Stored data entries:
________

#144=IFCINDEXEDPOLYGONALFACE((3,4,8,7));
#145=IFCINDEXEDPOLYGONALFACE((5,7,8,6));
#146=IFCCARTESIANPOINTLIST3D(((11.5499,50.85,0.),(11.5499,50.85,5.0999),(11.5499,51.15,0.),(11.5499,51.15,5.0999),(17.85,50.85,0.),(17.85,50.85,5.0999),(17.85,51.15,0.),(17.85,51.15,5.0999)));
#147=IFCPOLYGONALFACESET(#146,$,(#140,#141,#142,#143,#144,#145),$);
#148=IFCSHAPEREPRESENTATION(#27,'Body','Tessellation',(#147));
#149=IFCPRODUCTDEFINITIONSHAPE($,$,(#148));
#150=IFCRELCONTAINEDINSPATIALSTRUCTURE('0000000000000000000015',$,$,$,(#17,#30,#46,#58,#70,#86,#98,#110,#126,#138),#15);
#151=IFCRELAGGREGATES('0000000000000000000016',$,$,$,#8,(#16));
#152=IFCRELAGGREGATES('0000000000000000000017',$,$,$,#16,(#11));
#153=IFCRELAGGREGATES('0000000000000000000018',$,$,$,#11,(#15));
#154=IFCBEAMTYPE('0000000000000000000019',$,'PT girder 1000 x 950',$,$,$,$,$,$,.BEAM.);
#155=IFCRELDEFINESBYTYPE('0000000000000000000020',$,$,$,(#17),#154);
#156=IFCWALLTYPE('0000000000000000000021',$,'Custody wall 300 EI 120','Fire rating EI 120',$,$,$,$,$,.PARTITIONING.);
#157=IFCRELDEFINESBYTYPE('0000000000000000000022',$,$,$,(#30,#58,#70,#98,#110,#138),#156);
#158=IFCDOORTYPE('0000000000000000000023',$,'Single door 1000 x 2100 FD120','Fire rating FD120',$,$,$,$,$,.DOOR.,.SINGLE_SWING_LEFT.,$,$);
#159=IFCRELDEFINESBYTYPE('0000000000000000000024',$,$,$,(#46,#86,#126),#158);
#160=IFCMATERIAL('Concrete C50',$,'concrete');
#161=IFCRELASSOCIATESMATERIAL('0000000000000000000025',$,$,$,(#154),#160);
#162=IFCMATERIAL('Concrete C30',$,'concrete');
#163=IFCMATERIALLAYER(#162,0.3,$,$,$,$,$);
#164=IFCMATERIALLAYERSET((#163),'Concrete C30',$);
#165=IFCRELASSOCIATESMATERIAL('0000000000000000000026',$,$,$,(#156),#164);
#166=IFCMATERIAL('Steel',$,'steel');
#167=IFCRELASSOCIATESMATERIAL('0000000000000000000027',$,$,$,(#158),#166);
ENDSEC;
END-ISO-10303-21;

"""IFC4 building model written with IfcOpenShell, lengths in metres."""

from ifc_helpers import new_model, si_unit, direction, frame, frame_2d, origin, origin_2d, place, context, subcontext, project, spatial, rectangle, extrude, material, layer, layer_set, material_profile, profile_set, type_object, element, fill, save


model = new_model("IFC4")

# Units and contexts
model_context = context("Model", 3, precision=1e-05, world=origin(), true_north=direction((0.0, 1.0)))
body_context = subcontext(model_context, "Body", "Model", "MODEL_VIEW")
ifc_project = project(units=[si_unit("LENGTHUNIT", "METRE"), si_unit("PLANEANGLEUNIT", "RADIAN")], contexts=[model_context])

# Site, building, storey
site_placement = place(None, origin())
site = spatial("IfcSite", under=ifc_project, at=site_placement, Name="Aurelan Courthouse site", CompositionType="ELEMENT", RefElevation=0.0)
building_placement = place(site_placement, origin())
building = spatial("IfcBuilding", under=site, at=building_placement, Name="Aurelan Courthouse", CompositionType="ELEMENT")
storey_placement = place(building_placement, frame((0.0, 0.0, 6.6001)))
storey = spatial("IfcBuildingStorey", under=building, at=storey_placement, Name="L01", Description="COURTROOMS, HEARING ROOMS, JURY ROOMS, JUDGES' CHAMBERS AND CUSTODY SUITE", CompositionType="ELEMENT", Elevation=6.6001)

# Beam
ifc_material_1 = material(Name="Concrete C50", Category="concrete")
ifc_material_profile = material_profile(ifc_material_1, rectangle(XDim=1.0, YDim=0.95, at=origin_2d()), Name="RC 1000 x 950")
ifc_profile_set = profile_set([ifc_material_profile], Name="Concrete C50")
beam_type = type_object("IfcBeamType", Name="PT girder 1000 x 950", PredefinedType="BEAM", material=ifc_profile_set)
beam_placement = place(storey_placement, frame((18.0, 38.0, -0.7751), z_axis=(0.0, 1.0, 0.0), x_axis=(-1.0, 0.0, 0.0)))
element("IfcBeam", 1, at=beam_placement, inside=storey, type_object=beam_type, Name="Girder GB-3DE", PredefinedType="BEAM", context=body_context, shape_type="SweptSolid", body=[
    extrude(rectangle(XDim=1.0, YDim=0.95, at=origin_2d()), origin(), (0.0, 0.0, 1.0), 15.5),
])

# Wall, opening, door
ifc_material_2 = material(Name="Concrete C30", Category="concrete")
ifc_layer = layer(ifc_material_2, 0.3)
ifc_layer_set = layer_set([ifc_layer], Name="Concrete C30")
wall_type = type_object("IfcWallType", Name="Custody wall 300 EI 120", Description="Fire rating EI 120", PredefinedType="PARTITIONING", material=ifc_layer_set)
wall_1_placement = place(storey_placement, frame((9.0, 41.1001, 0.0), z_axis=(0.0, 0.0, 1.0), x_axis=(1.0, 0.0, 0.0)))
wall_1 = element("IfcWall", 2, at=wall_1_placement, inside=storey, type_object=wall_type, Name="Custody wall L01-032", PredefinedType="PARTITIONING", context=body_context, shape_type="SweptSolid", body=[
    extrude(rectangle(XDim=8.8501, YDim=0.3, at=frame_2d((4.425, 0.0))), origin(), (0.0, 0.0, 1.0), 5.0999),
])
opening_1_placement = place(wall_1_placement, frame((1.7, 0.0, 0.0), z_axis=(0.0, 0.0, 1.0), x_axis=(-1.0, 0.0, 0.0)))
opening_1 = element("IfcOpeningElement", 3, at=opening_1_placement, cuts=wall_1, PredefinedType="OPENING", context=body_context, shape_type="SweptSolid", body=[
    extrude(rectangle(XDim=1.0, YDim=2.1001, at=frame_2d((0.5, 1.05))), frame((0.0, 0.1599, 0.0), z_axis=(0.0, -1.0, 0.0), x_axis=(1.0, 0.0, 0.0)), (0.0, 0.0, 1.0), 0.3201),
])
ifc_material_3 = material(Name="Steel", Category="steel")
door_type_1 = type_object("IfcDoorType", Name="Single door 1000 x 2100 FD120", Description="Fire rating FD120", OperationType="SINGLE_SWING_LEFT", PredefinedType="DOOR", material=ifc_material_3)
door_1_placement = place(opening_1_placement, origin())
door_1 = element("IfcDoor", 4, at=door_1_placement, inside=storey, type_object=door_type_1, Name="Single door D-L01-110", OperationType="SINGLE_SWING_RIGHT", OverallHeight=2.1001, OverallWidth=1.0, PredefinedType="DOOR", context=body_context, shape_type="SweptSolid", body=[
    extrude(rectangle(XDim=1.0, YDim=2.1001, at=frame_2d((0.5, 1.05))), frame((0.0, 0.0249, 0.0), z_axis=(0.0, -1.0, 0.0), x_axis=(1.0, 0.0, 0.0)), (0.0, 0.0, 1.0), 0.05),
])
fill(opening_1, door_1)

________

Try it — If a line above holds the string "IFCRELAGGREGATES", count it; give the final total as the only output.

Response area — 3